- _Goal of the exercise_
Write out the whole listing exactly as it stands.

━━━━━━

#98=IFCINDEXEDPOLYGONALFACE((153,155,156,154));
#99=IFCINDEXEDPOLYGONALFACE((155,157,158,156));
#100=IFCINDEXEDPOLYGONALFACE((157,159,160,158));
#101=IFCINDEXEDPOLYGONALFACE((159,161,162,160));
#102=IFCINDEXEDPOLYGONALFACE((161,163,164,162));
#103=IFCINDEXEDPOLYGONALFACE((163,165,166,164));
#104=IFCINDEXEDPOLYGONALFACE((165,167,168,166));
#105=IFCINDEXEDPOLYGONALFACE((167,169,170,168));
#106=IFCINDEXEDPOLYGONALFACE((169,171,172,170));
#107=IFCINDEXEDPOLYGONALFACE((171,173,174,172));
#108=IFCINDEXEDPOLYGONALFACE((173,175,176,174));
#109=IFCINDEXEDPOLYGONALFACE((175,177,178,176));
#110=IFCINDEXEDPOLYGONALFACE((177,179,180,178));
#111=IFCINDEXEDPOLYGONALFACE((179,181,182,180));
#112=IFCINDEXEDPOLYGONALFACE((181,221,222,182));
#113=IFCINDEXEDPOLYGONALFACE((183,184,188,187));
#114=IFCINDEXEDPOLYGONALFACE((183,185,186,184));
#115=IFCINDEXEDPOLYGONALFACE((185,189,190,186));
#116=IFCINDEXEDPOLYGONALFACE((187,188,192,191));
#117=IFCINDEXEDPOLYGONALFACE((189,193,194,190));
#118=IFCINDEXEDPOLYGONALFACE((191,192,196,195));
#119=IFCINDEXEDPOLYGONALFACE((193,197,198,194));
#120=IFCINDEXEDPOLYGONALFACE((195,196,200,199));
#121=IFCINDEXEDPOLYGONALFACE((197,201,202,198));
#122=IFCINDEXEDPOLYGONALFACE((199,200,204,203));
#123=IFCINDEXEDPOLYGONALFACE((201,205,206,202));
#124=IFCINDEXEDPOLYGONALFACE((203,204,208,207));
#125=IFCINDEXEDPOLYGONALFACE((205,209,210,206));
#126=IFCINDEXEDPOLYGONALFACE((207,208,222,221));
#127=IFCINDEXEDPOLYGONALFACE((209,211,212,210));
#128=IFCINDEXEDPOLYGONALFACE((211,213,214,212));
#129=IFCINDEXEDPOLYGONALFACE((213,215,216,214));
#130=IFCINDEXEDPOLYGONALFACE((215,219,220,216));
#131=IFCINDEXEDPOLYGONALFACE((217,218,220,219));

━━━━━━

- _Written response_
#98=IFCINDEXEDPOLYGONALFACE((153,155,156,154));
#99=IFCINDEXEDPOLYGONALFACE((155,157,158,156));
#100=IFCINDEXEDPOLYGONALFACE((157,159,160,158));
#101=IFCINDEXEDPOLYGONALFACE((159,161,162,160));
#102=IFCINDEXEDPOLYGONALFACE((161,163,164,162));
#103=IFCINDEXEDPOLYGONALFACE((163,165,166,164));
#104=IFCINDEXEDPOLYGONALFACE((165,167,168,166));
#105=IFCINDEXEDPOLYGONALFACE((167,169,170,168));
#106=IFCINDEXEDPOLYGONALFACE((169,171,172,170));
#107=IFCINDEXEDPOLYGONALFACE((171,173,174,172));
#108=IFCINDEXEDPOLYGONALFACE((173,175,176,174));
#109=IFCINDEXEDPOLYGONALFACE((175,177,178,176));
#110=IFCINDEXEDPOLYGONALFACE((177,179,180,178));
#111=IFCINDEXEDPOLYGONALFACE((179,181,182,180));
#112=IFCINDEXEDPOLYGONALFACE((181,221,222,182));
#113=IFCINDEXEDPOLYGONALFACE((183,184,188,187));
#114=IFCINDEXEDPOLYGONALFACE((183,185,186,184));
#115=IFCINDEXEDPOLYGONALFACE((185,189,190,186));
#116=IFCINDEXEDPOLYGONALFACE((187,188,192,191));
#117=IFCINDEXEDPOLYGONALFACE((189,193,194,190));
#118=IFCINDEXEDPOLYGONALFACE((191,192,196,195));
#119=IFCINDEXEDPOLYGONALFACE((193,197,198,194));
#120=IFCINDEXEDPOLYGONALFACE((195,196,200,199));
#121=IFCINDEXEDPOLYGONALFACE((197,201,202,198));
#122=IFCINDEXEDPOLYGONALFACE((199,200,204,203));
#123=IFCINDEXEDPOLYGONALFACE((201,205,206,202));
#124=IFCINDEXEDPOLYGONALFACE((203,204,208,207));
#125=IFCINDEXEDPOLYGONALFACE((205,209,210,206));
#126=IFCINDEXEDPOLYGONALFACE((207,208,222,221));
#127=IFCINDEXEDPOLYGONALFACE((209,211,212,210));
#128=IFCINDEXEDPOLYGONALFACE((211,213,214,212));
#129=IFCINDEXEDPOLYGONALFACE((213,215,216,214));
#130=IFCINDEXEDPOLYGONALFACE((215,219,220,216));
#131=IFCINDEXEDPOLYGONALFACE((217,218,220,219));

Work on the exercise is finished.